[Stored data entries]
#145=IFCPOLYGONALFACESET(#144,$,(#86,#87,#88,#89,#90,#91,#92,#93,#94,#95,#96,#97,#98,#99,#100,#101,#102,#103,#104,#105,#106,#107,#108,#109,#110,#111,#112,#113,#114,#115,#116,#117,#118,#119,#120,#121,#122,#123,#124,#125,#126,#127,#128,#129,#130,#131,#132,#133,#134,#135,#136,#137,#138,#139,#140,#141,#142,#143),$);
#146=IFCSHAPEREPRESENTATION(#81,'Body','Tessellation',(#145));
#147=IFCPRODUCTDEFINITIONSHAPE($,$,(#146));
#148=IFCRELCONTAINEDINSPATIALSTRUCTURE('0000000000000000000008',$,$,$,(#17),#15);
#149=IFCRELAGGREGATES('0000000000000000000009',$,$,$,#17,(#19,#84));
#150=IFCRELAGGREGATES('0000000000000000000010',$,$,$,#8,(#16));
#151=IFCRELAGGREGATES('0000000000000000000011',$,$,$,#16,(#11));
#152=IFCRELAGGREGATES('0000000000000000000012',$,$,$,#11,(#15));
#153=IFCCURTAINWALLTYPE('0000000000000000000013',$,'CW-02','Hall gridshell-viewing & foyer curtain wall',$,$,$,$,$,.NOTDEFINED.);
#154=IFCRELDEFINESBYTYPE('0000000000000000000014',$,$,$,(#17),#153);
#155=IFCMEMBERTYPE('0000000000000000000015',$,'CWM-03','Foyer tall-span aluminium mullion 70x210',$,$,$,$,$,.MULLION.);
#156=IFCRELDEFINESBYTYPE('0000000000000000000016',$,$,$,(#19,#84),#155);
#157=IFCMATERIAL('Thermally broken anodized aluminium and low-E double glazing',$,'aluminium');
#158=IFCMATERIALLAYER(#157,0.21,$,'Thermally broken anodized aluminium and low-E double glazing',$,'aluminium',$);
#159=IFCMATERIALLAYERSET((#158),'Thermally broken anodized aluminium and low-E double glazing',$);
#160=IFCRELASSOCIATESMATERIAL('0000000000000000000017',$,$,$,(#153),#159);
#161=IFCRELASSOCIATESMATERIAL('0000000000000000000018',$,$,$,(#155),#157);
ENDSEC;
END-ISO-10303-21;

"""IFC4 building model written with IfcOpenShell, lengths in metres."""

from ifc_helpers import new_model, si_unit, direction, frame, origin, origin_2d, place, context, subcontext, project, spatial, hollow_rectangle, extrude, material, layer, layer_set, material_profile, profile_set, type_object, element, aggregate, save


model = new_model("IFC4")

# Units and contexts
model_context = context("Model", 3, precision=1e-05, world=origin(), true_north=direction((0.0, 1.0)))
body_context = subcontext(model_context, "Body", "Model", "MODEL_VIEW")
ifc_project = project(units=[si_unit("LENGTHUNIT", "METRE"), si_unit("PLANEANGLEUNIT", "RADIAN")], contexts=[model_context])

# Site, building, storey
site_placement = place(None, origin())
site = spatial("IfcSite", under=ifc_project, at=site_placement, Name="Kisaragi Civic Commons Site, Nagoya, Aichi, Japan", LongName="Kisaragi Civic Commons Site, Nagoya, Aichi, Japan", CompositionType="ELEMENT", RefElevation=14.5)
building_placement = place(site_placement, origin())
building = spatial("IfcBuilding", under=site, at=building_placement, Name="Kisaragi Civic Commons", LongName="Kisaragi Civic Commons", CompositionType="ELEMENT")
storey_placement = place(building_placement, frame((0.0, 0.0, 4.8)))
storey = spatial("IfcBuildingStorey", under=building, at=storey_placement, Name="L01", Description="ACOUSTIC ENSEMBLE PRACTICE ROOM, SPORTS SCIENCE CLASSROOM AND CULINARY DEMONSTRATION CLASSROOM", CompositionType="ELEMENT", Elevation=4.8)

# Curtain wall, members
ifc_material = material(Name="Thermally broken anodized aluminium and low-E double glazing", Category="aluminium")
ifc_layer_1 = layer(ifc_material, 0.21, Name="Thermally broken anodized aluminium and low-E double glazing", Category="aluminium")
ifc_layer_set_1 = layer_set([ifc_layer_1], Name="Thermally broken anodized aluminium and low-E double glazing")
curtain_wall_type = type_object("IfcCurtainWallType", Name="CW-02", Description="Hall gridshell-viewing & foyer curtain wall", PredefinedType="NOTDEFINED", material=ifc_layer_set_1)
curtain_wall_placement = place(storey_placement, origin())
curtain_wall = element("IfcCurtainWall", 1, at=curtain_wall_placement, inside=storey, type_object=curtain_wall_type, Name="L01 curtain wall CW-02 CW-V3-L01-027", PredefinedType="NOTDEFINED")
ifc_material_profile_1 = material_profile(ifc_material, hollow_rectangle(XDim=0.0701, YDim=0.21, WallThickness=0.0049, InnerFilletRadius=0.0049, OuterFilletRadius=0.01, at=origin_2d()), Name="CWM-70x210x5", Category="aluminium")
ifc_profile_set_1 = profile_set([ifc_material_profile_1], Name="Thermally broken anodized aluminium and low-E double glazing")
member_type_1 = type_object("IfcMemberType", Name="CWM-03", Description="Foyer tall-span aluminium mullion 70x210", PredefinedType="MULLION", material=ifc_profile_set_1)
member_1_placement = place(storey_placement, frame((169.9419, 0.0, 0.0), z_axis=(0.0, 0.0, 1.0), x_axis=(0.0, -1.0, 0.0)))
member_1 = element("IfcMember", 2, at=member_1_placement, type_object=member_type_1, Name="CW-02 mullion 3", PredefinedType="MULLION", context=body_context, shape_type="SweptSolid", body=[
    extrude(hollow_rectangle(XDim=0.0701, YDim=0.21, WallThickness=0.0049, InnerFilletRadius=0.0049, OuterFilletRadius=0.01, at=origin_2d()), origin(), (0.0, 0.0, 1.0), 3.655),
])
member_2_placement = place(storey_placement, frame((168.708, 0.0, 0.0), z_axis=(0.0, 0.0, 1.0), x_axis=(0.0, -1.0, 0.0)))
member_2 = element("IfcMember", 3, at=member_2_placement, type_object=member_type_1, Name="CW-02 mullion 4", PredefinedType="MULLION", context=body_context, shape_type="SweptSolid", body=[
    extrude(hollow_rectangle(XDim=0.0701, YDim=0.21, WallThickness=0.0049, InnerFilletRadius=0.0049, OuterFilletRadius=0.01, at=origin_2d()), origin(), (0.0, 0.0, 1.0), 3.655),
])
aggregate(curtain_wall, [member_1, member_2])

HOW TO COMPLETE THIS TASK:
Exact retyping of every entry is required.

RESPONSE AREA:
#145=IFCPOLYGONALFACESET(#144,$,(#86,#87,#88,#89,#90,#91,#92,#93,#94,#95,#96,#97,#98,#99,#100,#101,#102,#103,#104,#105,#106,#107,#108,#109,#110,#111,#112,#113,#114,#115,#116,#117,#118,#119,#120,#121,#122,#123,#124,#125,#126,#127,#128,#129,#130,#131,#132,#133,#134,#135,#136,#137,#138,#139,#140,#141,#142,#143),$);
#146=IFCSHAPEREPRESENTATION(#81,'Body','Tessellation',(#145));
#147=IFCPRODUCTDEFINITIONSHAPE($,$,(#146));
#148=IFCRELCONTAINEDINSPATIALSTRUCTURE('0000000000000000000008',$,$,$,(#17),#15);
#149=IFCRELAGGREGATES('0000000000000000000009',$,$,$,#17,(#19,#84));
#150=IFCRELAGGREGATES('0000000000000000000010',$,$,$,#8,(#16));
#151=IFCRELAGGREGATES('0000000000000000000011',$,$,$,#16,(#11));
#152=IFCRELAGGREGATES('0000000000000000000012',$,$,$,#11,(#15));
#153=IFCCURTAINWALLTYPE('0000000000000000000013',$,'CW-02','Hall gridshell-viewing & foyer curtain wall',$,$,$,$,$,.NOTDEFINED.);
#154=IFCRELDEFINESBYTYPE('0000000000000000000014',$,$,$,(#17),#153);
#155=IFCMEMBERTYPE('0000000000000000000015',$,'CWM-03','Foyer tall-span aluminium mullion 70x210',$,$,$,$,$,.MULLION.);
#156=IFCRELDEFINESBYTYPE('0000000000000000000016',$,$,$,(#19,#84),#155);
#157=IFCMATERIAL('Thermally broken anodized aluminium and low-E double glazing',$,'aluminium');
#158=IFCMATERIALLAYER(#157,0.21,$,'Thermally broken anodized aluminium and low-E double glazing',$,'aluminium',$);
#159=IFCMATERIALLAYERSET((#158),'Thermally broken anodized aluminium and low-E double glazing',$);
#160=IFCRELASSOCIATESMATERIAL('0000000000000000000017',$,$,$,(#153),#159);
#161=IFCRELASSOCIATESMATERIAL('0000000000000000000018',$,$,$,(#155),#157);
ENDSEC;
END-ISO-10303-21;

"""IFC4 building model written with IfcOpenShell, lengths in metres."""

from ifc_helpers import new_model, si_unit, direction, frame, origin, origin_2d, place, context, subcontext, project, spatial, hollow_rectangle, extrude, material, layer, layer_set, material_profile, profile_set, type_object, element, aggregate, save


model = new_model("IFC4")

# Units and contexts
model_context = context("Model", 3, precision=1e-05, world=origin(), true_north=direction((0.0, 1.0)))
body_context = subcontext(model_context, "Body", "Model", "MODEL_VIEW")
ifc_project = project(units=[si_unit("LENGTHUNIT", "METRE"), si_unit("PLANEANGLEUNIT", "RADIAN")], contexts=[model_context])

# Site, building, storey
site_placement = place(None, origin())
site = spatial("IfcSite", under=ifc_project, at=site_placement, Name="Kisaragi Civic Commons Site, Nagoya, Aichi, Japan", LongName="Kisaragi Civic Commons Site, Nagoya, Aichi, Japan", CompositionType="ELEMENT", RefElevation=14.5)
building_placement = place(site_placement, origin())
building = spatial("IfcBuilding", under=site, at=building_placement, Name="Kisaragi Civic Commons", LongName="Kisaragi Civic Commons", CompositionType="ELEMENT")
storey_placement = place(building_placement, frame((0.0, 0.0, 4.8)))
storey = spatial("IfcBuildingStorey", under=building, at=storey_placement, Name="L01", Description="ACOUSTIC ENSEMBLE PRACTICE ROOM, SPORTS SCIENCE CLASSROOM AND CULINARY DEMONSTRATION CLASSROOM", CompositionType="ELEMENT", Elevation=4.8)

# Curtain wall, members
ifc_material = material(Name="Thermally broken anodized aluminium and low-E double glazing", Category="aluminium")
ifc_layer_1 = layer(ifc_material, 0.21, Name="Thermally broken anodized aluminium and low-E double glazing", Category="aluminium")
ifc_layer_set_1 = layer_set([ifc_layer_1], Name="Thermally broken anodized aluminium and low-E double glazing")
curtain_wall_type = type_object("IfcCurtainWallType", Name="CW-02", Description="Hall gridshell-viewing & foyer curtain wall", PredefinedType="NOTDEFINED", material=ifc_layer_set_1)
curtain_wall_placement = place(storey_placement, origin())
curtain_wall = element("IfcCurtainWall", 1, at=curtain_wall_placement, inside=storey, type_object=curtain_wall_type, Name="L01 curtain wall CW-02 CW-V3-L01-027", PredefinedType="NOTDEFINED")
ifc_material_profile_1 = material_profile(ifc_material, hollow_rectangle(XDim=0.0701, YDim=0.21, WallThickness=0.0049, InnerFilletRadius=0.0049, OuterFilletRadius=0.01, at=origin_2d()), Name="CWM-70x210x5", Category="aluminium")
ifc_profile_set_1 = profile_set([ifc_material_profile_1], Name="Thermally broken anodized aluminium and low-E double glazing")
member_type_1 = type_object("IfcMemberType", Name="CWM-03", Description="Foyer tall-span aluminium mullion 70x210", PredefinedType="MULLION", material=ifc_profile_set_1)
member_1_placement = place(storey_placement, frame((169.9419, 0.0, 0.0), z_axis=(0.0, 0.0, 1.0), x_axis=(0.0, -1.0, 0.0)))
member_1 = element("IfcMember", 2, at=member_1_placement, type_object=member_type_1, Name="CW-02 mullion 3", PredefinedType="MULLION", context=body_context, shape_type="SweptSolid", body=[
    extrude(hollow_rectangle(XDim=0.0701, YDim=0.21, WallThickness=0.0049, InnerFilletRadius=0.0049, OuterFilletRadius=0.01, at=origin_2d()), origin(), (0.0, 0.0, 1.0), 3.655),
])
member_2_placement = place(storey_placement, frame((168.708, 0.0, 0.0), z_axis=(0.0, 0.0, 1.0), x_axis=(0.0, -1.0, 0.0)))
member_2 = element("IfcMember", 3, at=member_2_placement, type_object=member_type_1, Name="CW-02 mullion 4", PredefinedType="MULLION", context=body_context, shape_type="SweptSolid", body=[
    extrude(hollow_rectangle(XDim=0.0701, YDim=0.21, WallThickness=0.0049, InnerFilletRadius=0.0049, OuterFilletRadius=0.01, at=origin_2d()), origin(), (0.0, 0.0, 1.0), 3.655),
])
aggregate(curtain_wall, [member_1, member_2])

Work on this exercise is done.